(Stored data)

:::::

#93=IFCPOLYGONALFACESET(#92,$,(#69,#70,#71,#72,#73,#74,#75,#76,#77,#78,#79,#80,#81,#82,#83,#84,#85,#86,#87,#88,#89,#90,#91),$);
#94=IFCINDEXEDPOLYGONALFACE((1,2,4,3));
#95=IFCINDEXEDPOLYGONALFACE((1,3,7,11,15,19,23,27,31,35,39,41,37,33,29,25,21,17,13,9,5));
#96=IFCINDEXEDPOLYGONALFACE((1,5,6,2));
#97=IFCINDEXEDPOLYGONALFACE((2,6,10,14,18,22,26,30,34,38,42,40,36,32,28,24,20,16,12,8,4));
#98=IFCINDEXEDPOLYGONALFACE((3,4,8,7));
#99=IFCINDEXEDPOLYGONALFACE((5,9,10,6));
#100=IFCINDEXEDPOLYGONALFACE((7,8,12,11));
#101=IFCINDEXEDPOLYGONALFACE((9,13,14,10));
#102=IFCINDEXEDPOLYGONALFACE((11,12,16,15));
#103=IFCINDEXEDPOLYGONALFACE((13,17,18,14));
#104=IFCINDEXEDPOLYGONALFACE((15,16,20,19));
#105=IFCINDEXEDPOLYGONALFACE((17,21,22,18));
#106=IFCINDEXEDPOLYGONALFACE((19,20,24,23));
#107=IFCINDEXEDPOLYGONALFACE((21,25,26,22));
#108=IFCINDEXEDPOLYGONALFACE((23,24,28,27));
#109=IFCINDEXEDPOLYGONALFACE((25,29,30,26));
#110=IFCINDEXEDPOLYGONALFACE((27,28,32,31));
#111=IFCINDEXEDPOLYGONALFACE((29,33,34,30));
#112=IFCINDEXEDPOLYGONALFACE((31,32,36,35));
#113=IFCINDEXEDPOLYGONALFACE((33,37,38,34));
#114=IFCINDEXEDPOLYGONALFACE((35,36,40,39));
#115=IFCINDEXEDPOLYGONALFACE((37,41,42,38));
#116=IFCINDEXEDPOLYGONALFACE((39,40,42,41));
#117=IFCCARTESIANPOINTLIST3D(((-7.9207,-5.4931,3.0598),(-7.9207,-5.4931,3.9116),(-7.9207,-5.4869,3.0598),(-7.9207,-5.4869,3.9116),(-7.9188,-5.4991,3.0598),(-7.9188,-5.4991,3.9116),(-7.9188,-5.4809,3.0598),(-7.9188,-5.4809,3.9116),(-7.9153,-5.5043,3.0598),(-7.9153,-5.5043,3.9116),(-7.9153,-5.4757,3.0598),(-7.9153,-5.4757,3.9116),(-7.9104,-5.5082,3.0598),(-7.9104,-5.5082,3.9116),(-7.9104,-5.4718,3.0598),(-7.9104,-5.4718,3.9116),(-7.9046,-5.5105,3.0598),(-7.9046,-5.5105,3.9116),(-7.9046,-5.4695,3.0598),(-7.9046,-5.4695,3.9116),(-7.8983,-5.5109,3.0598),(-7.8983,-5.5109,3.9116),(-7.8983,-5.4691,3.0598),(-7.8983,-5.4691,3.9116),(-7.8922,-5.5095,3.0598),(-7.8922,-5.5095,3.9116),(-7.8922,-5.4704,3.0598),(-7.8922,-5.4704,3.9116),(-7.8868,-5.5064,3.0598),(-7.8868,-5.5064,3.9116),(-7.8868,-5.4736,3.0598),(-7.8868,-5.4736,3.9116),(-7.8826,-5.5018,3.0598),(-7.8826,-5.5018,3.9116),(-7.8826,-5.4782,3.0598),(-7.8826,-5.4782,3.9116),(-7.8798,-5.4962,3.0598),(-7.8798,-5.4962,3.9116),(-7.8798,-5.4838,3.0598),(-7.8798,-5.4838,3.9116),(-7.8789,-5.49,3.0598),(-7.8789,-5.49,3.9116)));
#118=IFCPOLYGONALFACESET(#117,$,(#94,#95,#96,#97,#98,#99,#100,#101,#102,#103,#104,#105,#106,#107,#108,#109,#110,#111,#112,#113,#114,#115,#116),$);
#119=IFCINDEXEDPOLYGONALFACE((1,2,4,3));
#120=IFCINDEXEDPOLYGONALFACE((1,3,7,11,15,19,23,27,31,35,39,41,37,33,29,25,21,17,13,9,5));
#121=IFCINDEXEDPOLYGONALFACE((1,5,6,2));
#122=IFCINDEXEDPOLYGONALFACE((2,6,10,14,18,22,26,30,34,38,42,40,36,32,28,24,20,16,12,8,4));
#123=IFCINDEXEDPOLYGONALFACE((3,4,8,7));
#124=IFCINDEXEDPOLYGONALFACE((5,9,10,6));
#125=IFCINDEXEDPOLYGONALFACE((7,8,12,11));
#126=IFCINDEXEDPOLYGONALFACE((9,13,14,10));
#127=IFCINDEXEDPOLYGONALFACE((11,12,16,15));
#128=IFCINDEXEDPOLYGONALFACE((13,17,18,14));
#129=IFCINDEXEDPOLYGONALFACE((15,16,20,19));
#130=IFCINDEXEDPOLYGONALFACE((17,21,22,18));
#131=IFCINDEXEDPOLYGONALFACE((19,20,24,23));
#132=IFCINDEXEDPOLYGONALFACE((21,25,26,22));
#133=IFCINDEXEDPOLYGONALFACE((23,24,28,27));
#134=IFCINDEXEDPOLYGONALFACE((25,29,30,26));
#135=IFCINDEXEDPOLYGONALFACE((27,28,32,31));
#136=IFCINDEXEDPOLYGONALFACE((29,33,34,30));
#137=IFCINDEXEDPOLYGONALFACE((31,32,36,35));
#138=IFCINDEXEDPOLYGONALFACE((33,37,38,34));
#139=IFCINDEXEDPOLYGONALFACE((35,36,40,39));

:::::

_WHAT THIS TASK INVOLVES:_
Each line of the entries above that includes the string "IFCPOLYGONALFACESET" should be copied out.

_RESPONSE FOR THIS EXERCISE:_
#93=IFCPOLYGONALFACESET(#92,$,(#69,#70,#71,#72,#73,#74,#75,#76,#77,#78,#79,#80,#81,#82,#83,#84,#85,#86,#87,#88,#89,#90,#91),$);
#118=IFCPOLYGONALFACESET(#117,$,(#94,#95,#96,#97,#98,#99,#100,#101,#102,#103,#104,#105,#106,#107,#108,#109,#110,#111,#112,#113,#114,#115,#116),$);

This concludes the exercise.